(Stored data entries)
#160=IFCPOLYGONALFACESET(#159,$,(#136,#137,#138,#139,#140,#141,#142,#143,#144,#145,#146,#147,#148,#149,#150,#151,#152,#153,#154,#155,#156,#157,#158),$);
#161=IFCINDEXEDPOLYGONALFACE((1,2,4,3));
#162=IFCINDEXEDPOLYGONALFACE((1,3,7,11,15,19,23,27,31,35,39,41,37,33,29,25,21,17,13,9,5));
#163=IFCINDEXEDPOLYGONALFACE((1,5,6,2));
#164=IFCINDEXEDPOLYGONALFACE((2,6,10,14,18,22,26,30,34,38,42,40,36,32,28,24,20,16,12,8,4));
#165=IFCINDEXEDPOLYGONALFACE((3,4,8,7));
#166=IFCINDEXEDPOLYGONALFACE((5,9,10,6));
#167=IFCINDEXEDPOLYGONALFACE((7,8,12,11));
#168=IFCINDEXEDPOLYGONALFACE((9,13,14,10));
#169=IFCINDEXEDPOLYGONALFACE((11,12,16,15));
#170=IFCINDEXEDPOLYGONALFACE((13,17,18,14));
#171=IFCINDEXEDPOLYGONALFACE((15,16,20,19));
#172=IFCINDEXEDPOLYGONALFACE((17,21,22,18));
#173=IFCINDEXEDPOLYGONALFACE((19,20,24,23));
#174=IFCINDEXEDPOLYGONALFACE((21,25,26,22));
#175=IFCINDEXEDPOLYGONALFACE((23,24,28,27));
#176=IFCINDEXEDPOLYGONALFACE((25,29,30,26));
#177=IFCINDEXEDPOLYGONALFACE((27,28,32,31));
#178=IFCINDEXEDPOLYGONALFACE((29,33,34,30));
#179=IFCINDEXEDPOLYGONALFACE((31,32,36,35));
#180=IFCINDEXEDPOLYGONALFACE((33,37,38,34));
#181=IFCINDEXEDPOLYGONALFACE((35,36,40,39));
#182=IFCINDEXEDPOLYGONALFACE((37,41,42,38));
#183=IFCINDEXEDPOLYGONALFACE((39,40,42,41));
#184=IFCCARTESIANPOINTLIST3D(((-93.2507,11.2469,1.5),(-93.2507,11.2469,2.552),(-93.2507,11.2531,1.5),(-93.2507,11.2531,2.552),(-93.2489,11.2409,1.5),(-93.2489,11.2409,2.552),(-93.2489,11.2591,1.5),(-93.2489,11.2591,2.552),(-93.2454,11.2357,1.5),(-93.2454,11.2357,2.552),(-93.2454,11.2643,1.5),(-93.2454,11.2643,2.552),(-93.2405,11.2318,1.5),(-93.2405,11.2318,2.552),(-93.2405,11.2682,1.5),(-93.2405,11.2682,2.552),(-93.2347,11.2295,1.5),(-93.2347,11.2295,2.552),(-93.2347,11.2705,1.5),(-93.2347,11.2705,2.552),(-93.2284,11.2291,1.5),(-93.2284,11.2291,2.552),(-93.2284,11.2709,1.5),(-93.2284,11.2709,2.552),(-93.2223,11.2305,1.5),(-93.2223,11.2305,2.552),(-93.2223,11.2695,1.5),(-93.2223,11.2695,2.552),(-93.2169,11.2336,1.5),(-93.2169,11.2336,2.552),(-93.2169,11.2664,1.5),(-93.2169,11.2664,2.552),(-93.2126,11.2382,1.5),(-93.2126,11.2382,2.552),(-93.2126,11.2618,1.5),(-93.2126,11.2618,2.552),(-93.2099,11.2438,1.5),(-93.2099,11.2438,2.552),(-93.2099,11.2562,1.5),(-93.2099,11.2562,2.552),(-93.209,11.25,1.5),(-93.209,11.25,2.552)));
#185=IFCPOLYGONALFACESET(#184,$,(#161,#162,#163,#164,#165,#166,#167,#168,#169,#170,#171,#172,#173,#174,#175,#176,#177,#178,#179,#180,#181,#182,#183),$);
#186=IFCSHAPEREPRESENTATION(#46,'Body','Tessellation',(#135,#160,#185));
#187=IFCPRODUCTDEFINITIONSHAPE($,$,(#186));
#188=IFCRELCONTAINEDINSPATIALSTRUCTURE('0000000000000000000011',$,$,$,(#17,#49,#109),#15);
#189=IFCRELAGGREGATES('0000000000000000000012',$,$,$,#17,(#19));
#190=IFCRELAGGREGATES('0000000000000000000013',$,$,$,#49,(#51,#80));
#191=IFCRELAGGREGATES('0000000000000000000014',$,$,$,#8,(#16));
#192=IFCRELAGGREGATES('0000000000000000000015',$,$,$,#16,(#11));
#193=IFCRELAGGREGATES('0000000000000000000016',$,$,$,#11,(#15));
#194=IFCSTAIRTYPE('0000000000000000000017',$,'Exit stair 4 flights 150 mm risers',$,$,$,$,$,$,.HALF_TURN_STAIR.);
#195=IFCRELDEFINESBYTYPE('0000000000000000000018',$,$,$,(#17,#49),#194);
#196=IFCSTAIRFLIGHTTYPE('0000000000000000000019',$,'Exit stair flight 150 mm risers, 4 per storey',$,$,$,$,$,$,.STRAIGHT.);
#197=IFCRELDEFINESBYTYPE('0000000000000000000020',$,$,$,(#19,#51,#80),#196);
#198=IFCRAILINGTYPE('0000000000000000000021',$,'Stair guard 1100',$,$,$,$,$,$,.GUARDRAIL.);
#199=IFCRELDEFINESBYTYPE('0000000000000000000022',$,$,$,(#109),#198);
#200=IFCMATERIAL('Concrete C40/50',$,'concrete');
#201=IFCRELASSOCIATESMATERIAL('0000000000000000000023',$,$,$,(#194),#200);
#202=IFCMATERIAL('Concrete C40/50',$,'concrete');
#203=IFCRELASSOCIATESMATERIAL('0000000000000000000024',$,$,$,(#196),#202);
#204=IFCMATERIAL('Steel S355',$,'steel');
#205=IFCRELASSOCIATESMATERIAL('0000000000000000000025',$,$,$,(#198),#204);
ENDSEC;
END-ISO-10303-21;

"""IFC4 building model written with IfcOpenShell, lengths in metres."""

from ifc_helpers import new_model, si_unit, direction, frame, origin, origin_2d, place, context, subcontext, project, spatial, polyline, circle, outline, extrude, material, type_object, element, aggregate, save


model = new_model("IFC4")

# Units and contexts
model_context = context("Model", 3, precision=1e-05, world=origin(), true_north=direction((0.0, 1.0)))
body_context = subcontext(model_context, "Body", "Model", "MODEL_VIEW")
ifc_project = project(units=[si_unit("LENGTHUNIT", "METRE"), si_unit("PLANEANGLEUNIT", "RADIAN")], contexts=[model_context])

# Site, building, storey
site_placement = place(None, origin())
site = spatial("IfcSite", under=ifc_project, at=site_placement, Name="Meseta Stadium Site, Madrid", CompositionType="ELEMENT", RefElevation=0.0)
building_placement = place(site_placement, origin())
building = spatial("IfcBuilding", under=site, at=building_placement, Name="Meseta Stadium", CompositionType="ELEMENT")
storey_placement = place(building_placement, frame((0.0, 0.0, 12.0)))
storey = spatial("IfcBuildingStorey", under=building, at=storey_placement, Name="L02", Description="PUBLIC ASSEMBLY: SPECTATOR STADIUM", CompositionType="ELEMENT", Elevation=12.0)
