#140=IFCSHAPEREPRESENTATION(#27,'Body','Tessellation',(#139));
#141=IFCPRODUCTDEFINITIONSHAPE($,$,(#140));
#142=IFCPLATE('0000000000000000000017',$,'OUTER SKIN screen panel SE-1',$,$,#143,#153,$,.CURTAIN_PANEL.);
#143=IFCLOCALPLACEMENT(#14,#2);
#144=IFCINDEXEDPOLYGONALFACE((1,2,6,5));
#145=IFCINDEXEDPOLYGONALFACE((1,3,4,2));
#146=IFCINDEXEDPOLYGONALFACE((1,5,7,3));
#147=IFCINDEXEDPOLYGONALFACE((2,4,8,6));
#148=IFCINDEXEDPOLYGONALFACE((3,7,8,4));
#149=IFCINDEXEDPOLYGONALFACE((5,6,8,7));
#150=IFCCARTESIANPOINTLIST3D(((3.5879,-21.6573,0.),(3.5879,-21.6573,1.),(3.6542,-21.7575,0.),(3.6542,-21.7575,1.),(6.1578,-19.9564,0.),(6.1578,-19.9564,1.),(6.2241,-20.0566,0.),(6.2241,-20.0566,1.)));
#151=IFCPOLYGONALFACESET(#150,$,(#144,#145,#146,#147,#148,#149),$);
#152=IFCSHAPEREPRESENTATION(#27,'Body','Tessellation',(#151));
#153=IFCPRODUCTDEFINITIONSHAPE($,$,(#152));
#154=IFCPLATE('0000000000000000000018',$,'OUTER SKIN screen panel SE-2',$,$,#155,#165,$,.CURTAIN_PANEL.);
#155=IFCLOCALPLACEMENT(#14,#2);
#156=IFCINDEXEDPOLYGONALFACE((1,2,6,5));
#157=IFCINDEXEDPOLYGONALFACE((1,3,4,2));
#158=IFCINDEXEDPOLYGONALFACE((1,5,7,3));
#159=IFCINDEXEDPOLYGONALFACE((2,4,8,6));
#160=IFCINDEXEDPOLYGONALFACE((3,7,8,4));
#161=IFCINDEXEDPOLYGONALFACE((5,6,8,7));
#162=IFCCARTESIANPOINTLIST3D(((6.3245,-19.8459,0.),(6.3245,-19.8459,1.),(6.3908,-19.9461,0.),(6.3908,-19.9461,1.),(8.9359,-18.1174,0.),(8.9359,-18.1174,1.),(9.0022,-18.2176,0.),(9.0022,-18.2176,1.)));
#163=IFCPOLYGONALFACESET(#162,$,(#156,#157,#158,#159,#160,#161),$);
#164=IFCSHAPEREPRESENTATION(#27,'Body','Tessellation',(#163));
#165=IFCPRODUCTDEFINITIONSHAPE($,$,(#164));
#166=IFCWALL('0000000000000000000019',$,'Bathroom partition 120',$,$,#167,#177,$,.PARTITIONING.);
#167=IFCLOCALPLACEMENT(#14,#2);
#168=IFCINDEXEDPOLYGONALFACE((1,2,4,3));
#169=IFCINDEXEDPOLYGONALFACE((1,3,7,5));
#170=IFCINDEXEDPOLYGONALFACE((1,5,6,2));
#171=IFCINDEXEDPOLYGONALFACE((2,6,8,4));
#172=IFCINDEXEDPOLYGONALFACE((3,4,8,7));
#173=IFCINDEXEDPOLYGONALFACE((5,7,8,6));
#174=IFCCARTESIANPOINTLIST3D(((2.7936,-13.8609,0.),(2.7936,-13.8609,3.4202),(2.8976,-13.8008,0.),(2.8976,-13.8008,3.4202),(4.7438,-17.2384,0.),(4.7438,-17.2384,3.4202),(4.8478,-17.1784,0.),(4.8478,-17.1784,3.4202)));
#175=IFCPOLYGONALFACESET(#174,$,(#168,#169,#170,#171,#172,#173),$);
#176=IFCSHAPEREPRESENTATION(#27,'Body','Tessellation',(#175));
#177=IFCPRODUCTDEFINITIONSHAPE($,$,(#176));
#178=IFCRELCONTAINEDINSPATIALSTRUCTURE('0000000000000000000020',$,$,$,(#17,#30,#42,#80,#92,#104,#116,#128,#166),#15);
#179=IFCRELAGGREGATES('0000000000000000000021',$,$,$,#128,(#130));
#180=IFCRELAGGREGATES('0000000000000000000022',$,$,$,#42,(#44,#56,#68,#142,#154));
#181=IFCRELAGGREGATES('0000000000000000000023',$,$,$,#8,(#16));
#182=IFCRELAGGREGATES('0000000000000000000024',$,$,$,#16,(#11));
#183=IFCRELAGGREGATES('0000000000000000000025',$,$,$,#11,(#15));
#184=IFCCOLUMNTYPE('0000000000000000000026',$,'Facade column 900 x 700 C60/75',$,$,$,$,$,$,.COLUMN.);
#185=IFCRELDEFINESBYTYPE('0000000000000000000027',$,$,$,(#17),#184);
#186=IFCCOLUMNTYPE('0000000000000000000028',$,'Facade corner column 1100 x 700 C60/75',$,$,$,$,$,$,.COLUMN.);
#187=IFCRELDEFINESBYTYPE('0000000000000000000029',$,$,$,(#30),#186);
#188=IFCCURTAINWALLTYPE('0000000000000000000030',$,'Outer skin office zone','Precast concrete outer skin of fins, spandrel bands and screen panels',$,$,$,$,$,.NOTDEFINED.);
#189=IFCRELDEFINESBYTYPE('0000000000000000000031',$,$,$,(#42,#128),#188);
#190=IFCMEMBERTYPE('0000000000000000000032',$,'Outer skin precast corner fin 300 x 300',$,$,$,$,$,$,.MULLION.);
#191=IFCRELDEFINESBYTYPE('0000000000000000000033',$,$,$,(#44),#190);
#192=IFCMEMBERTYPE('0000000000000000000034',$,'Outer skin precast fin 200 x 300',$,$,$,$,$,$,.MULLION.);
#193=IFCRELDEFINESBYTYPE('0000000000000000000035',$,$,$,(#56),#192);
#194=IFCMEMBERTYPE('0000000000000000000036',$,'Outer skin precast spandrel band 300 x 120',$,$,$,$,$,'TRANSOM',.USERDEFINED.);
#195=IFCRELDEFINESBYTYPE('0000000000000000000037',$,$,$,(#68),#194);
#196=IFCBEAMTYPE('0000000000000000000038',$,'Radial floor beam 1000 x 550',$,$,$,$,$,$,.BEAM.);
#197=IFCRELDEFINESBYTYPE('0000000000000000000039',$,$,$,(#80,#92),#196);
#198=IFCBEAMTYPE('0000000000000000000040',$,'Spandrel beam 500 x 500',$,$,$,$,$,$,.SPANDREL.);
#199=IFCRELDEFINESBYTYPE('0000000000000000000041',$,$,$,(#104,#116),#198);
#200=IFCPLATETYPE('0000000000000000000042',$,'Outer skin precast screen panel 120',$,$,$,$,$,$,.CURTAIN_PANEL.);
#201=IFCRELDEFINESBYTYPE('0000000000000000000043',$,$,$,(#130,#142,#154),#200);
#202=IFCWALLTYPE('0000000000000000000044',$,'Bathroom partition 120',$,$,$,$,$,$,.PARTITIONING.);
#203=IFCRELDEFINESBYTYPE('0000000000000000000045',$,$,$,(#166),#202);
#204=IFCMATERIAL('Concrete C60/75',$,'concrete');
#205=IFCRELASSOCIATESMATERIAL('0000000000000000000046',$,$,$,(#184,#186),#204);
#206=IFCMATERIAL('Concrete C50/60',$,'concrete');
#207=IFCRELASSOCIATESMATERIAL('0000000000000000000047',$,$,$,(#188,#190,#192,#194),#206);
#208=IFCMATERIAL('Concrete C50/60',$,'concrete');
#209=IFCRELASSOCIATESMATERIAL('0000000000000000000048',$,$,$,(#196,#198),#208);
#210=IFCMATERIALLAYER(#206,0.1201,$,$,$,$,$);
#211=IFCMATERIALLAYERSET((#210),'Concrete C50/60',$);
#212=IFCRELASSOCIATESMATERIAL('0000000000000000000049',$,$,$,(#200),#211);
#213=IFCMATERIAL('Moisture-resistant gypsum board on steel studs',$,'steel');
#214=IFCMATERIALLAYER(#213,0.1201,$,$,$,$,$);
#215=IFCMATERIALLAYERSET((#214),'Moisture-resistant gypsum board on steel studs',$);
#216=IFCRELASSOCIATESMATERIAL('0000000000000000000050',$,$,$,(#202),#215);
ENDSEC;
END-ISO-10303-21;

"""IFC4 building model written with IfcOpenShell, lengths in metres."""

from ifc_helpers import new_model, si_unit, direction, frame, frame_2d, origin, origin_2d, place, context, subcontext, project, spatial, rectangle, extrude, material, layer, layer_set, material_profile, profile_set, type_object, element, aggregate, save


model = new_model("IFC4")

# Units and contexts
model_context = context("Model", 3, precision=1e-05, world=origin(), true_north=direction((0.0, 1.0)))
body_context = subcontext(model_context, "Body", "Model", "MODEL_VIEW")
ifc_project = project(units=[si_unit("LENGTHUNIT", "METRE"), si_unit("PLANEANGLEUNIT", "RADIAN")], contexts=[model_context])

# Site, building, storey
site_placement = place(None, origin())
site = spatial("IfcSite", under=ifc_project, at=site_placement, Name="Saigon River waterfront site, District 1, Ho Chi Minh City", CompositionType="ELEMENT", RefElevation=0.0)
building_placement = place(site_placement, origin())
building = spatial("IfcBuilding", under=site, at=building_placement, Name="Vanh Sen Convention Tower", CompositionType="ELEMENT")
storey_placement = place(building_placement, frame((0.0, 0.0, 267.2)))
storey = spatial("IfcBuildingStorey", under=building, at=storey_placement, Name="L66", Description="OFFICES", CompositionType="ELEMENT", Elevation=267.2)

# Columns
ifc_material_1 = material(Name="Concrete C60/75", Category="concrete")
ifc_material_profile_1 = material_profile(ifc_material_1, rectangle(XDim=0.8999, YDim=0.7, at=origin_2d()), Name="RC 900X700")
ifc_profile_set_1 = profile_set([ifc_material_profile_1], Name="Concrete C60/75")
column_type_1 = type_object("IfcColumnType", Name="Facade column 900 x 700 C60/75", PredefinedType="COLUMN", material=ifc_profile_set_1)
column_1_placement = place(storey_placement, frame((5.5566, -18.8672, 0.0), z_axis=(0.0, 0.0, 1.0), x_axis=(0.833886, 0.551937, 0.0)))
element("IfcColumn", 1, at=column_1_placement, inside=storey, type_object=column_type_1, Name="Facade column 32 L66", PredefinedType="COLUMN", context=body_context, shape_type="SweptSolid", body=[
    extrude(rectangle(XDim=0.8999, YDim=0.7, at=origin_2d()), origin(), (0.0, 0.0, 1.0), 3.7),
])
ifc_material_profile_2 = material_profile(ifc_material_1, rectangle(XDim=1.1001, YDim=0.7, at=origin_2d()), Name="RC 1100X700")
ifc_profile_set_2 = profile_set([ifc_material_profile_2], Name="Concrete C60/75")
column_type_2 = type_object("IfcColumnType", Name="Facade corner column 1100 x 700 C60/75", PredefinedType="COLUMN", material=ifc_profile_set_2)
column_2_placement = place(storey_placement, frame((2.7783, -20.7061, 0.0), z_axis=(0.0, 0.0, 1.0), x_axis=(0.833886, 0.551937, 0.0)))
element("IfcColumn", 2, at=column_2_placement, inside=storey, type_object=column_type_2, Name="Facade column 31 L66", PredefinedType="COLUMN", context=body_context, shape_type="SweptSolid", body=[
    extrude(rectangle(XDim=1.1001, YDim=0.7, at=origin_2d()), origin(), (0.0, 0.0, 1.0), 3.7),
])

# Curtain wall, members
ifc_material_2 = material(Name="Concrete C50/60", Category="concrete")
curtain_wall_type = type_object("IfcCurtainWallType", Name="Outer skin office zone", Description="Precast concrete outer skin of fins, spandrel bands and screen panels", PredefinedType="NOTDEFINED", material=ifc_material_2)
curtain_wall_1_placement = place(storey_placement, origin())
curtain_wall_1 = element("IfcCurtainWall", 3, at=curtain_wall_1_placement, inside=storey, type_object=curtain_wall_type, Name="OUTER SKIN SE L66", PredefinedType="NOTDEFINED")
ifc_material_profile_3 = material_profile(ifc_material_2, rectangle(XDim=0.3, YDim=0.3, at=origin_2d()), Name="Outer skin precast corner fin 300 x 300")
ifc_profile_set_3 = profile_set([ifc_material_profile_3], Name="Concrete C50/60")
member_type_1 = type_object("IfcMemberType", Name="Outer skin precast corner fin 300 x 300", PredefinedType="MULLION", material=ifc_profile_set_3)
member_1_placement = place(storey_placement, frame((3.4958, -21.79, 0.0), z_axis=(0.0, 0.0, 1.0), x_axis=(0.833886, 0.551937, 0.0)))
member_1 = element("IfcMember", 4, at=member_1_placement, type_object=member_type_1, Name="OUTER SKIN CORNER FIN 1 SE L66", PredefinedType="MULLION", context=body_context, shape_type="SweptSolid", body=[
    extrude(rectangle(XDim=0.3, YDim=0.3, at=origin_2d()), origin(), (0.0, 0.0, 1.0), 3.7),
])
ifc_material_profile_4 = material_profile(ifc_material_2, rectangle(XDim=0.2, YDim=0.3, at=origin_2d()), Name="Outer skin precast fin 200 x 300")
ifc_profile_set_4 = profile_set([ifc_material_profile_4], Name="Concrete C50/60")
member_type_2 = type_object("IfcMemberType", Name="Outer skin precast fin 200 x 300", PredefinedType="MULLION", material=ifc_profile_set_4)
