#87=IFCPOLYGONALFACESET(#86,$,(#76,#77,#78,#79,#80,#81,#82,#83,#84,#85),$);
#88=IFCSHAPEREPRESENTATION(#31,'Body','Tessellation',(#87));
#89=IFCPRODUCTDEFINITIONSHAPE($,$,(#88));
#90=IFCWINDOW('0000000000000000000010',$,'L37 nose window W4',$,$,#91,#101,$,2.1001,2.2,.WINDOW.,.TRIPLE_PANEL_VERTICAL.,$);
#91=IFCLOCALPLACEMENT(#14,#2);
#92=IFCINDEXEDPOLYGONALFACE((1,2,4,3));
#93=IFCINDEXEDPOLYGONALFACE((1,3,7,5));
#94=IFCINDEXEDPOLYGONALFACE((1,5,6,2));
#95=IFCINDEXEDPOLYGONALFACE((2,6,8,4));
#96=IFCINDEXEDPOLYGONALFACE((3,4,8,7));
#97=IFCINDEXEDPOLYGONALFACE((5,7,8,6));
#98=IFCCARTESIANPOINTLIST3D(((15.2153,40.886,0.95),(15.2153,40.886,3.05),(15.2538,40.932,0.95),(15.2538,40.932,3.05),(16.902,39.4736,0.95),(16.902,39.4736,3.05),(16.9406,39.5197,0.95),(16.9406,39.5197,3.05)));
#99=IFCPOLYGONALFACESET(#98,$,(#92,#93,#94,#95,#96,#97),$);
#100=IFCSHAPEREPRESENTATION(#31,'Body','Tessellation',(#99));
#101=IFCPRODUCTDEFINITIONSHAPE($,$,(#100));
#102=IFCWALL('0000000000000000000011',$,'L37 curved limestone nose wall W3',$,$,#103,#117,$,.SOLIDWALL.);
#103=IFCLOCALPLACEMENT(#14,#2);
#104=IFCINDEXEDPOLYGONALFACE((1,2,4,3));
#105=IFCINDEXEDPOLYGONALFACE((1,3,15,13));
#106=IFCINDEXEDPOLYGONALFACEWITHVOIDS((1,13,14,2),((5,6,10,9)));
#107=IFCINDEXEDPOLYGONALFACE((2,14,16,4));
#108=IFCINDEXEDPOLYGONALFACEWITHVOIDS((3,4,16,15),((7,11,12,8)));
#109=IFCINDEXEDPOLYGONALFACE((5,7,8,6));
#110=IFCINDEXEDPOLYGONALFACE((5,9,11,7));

Requirement - A line belongs in the answer if it contains the word "NOTDEFINED"; copy every such line from the data above.

Task response -
#188=IFCCURTAINWALLTYPE('0000000000000000000030',$,'Outer skin office zone','Precast concrete outer skin of fins, spandrel bands and screen panels',$,$,$,$,$,.NOTDEFINED.);
curtain_wall_type = type_object("IfcCurtainWallType", Name="Outer skin office zone", Description="Precast concrete outer skin of fins, spandrel bands and screen panels", PredefinedType="NOTDEFINED", material=ifc_material_2)
curtain_wall_1 = element("IfcCurtainWall", 3, at=curtain_wall_1_placement, inside=storey, type_object=curtain_wall_type, Name="OUTER SKIN SE L66", PredefinedType="NOTDEFINED")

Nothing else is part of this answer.